(Saved entries)
┄┄┄┄┄┄

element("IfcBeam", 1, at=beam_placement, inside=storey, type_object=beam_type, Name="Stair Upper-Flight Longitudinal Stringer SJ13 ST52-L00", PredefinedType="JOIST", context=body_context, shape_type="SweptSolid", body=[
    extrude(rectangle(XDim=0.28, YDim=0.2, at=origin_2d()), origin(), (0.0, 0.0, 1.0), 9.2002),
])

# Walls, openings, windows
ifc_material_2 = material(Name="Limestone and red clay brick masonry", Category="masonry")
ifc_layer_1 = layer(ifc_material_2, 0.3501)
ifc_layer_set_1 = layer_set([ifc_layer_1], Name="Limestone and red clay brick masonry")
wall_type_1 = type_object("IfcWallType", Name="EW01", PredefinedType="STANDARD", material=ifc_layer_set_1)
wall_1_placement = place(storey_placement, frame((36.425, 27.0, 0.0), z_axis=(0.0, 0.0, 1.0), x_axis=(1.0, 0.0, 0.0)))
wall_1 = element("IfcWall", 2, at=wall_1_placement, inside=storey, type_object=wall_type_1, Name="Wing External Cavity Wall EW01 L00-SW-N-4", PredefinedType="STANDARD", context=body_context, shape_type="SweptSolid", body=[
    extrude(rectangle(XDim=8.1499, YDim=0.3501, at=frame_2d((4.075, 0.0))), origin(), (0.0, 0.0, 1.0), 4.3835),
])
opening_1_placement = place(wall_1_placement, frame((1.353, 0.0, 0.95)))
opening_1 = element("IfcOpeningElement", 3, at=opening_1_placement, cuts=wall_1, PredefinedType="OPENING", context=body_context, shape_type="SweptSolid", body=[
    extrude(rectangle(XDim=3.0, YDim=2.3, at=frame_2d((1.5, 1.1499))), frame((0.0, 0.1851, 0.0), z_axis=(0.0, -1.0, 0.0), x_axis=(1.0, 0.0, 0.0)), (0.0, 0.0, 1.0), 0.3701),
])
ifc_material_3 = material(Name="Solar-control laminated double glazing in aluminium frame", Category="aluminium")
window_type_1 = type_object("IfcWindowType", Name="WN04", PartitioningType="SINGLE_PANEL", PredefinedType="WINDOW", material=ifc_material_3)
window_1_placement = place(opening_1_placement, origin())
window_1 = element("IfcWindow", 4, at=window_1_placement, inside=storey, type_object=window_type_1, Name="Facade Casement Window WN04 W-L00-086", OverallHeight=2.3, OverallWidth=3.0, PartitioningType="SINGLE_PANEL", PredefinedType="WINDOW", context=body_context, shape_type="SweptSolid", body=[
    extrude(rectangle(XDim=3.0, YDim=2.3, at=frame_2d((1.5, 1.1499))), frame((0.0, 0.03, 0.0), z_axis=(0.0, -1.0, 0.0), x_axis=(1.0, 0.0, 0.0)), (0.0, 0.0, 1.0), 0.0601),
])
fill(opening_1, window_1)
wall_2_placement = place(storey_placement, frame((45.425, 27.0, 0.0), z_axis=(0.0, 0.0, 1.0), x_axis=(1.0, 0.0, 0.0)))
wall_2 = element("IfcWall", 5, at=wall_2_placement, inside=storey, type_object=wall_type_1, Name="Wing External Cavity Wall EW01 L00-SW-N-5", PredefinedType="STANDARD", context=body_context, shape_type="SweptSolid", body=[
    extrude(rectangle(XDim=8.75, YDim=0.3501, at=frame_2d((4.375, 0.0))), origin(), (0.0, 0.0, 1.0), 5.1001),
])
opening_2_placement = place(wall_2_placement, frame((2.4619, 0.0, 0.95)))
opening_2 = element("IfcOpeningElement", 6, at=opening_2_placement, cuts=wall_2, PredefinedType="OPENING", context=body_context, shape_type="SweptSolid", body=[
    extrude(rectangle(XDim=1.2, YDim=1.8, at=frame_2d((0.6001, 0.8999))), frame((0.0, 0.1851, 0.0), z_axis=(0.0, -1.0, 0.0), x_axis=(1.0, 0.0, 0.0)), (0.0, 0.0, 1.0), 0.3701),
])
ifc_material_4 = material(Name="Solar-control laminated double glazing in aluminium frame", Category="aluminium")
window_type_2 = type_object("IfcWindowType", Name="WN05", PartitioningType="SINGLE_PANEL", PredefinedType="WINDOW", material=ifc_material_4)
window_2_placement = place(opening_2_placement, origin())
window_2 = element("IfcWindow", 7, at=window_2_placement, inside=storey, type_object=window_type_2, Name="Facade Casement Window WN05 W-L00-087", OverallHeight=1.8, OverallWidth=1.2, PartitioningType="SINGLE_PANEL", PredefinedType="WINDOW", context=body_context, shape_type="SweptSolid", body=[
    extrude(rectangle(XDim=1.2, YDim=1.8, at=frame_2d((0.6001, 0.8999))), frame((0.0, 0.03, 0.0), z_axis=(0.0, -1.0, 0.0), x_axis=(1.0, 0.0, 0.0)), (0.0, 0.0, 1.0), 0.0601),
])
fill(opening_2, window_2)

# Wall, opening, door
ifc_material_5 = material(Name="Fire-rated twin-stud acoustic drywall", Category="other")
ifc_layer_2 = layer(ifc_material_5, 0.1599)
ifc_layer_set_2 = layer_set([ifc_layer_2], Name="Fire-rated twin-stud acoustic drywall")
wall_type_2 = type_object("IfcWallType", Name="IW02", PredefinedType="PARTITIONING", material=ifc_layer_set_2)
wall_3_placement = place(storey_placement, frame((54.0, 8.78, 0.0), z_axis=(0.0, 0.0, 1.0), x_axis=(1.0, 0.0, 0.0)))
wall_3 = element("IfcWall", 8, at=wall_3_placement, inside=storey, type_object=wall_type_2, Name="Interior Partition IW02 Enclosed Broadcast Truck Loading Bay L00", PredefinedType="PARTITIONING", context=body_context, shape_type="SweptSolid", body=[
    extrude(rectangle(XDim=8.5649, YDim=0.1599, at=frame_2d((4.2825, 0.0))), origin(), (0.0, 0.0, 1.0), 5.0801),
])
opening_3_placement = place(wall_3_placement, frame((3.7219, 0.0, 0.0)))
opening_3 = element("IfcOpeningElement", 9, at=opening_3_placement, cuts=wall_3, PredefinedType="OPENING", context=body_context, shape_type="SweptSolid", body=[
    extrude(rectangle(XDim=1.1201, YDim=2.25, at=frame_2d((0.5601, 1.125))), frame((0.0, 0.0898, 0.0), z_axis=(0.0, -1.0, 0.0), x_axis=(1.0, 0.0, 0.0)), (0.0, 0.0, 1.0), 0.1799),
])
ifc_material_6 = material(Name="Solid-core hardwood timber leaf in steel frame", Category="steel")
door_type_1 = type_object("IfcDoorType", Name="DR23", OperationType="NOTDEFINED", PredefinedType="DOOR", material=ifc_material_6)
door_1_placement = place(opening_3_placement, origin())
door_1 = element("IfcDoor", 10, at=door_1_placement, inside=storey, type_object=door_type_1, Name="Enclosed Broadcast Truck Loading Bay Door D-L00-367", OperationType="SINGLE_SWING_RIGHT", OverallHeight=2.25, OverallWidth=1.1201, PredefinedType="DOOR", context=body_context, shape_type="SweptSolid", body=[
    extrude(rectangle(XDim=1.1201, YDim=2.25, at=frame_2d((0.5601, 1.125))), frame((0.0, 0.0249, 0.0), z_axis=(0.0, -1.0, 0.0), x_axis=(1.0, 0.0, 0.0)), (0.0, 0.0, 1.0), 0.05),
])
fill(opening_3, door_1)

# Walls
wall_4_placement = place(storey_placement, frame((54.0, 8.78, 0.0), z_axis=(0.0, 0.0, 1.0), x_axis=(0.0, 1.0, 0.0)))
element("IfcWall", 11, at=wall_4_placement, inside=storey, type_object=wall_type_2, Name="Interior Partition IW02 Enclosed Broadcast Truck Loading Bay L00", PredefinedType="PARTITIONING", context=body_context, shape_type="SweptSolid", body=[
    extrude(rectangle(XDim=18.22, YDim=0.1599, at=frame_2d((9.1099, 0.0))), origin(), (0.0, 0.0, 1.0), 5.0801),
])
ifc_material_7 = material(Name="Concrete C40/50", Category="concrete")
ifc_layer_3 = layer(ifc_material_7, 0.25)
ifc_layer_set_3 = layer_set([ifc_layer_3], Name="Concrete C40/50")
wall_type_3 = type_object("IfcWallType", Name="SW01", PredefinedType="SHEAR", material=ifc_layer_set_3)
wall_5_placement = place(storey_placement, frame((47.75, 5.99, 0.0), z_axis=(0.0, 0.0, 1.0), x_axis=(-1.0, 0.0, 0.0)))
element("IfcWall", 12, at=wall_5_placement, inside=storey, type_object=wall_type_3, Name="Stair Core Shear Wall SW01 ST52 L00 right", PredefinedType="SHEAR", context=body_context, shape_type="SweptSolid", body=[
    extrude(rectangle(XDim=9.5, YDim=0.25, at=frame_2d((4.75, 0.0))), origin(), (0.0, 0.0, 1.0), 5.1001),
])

┄┄┄┄┄┄

**EXERCISE INSTRUCTIONS**
The answer needed is a single number: how many lines in the records above hold the string "double". Please write nothing else.

**SOLUTION BELOW**
2